- [Brief]:
The records follow. Filter them to the lines that hold "frame".

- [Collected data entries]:
•••••
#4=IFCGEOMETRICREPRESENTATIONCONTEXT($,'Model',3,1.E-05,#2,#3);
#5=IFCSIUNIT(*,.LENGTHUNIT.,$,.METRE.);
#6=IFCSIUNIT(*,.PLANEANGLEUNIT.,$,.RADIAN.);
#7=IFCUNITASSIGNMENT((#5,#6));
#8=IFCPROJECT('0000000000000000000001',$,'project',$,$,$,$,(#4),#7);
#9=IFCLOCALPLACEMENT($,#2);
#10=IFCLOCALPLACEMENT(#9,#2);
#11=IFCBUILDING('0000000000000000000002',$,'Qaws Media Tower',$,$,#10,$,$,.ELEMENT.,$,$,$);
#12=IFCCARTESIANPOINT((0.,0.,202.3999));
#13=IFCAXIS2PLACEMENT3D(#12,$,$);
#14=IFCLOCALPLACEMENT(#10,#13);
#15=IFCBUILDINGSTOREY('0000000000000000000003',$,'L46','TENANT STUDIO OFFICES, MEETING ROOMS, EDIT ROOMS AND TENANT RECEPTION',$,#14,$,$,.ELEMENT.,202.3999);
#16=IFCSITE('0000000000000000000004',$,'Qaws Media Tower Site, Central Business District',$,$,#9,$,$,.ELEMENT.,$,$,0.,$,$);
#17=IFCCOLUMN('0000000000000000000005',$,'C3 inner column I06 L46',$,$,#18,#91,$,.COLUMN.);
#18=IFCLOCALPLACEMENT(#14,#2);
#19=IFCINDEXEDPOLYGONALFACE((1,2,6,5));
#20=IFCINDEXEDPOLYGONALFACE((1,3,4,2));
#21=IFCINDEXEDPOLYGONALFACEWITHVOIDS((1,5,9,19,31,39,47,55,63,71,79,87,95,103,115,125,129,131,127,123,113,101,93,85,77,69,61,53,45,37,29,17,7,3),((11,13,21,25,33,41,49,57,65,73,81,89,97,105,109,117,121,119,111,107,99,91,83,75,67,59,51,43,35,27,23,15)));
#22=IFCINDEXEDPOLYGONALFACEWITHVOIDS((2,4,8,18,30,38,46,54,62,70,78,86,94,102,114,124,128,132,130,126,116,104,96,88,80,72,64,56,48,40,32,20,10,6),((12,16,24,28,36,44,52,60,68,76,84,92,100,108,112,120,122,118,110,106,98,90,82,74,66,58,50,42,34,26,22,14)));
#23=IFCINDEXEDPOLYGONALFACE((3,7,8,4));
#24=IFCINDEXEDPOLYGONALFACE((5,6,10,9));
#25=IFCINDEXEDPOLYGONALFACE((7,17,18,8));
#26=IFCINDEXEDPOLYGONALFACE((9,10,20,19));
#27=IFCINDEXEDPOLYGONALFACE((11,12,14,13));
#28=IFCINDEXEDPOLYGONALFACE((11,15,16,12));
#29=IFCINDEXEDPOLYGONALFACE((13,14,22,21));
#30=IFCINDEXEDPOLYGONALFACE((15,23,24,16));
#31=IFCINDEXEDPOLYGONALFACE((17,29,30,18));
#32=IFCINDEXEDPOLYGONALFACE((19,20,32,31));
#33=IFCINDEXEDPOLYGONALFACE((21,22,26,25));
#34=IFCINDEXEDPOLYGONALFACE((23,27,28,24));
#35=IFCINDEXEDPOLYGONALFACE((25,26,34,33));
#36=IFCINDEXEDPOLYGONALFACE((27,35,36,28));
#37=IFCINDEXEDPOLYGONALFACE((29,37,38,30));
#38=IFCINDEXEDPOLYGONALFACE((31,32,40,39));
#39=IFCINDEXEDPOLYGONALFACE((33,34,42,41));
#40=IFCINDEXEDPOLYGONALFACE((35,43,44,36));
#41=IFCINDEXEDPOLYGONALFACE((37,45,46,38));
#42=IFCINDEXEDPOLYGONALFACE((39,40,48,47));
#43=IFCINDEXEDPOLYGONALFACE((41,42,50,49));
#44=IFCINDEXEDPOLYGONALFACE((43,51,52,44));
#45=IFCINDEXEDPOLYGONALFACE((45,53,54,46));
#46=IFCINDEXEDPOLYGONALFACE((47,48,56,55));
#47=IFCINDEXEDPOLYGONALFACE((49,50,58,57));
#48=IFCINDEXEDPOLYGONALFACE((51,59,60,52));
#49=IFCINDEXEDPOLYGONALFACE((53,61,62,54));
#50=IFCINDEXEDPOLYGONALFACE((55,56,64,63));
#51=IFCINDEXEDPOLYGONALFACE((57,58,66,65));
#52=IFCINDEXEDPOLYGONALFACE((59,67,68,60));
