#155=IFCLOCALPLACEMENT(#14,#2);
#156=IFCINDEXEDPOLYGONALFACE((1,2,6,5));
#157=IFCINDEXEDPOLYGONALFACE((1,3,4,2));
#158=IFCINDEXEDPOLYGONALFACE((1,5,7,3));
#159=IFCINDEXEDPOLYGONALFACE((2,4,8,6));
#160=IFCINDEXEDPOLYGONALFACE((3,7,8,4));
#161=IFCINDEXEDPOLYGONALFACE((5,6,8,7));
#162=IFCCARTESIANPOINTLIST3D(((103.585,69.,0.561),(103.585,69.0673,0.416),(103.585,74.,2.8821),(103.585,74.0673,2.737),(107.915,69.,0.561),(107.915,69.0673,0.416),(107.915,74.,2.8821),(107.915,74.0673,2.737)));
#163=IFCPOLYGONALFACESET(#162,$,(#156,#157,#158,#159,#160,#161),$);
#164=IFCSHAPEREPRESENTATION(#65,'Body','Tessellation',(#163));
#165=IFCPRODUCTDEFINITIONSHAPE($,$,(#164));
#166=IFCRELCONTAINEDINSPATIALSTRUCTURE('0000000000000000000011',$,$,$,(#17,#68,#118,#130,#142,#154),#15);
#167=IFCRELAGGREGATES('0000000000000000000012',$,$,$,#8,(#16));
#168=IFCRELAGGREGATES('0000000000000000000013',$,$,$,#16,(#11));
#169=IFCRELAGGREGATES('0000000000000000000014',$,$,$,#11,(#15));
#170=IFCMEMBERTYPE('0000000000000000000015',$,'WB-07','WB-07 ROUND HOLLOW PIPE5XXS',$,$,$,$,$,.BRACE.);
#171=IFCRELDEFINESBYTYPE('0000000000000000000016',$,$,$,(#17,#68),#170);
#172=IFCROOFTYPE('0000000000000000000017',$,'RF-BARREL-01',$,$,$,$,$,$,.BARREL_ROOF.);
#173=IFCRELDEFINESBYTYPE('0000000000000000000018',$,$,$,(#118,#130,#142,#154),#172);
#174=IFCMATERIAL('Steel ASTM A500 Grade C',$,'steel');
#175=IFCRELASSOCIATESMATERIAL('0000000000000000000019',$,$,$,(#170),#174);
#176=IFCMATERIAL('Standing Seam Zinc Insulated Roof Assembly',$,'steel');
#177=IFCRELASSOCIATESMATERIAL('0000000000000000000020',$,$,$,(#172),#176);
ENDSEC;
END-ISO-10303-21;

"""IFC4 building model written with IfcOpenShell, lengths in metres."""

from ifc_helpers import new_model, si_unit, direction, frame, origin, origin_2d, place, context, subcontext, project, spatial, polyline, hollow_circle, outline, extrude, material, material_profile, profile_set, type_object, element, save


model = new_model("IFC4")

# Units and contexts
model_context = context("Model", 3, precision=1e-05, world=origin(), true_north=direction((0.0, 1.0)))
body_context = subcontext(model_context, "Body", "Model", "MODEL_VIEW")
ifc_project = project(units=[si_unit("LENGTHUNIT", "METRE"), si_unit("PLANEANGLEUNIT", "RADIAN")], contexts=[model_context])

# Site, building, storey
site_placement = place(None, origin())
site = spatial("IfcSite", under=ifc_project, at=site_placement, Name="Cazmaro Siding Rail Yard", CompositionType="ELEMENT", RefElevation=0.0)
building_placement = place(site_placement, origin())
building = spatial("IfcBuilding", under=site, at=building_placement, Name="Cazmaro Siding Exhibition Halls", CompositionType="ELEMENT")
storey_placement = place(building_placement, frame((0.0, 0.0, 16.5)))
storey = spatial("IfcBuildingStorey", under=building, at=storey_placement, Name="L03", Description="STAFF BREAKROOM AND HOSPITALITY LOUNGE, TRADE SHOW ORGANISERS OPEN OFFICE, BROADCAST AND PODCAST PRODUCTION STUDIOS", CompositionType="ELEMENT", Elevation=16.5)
•••••
- [Written reply]:
from ifc_helpers import new_model, si_unit, direction, frame, origin, origin_2d, place, context, subcontext, project, spatial, polyline, hollow_circle, outline, extrude, material, material_profile, profile_set, type_object, element, save
storey_placement = place(building_placement, frame((0.0, 0.0, 16.5)))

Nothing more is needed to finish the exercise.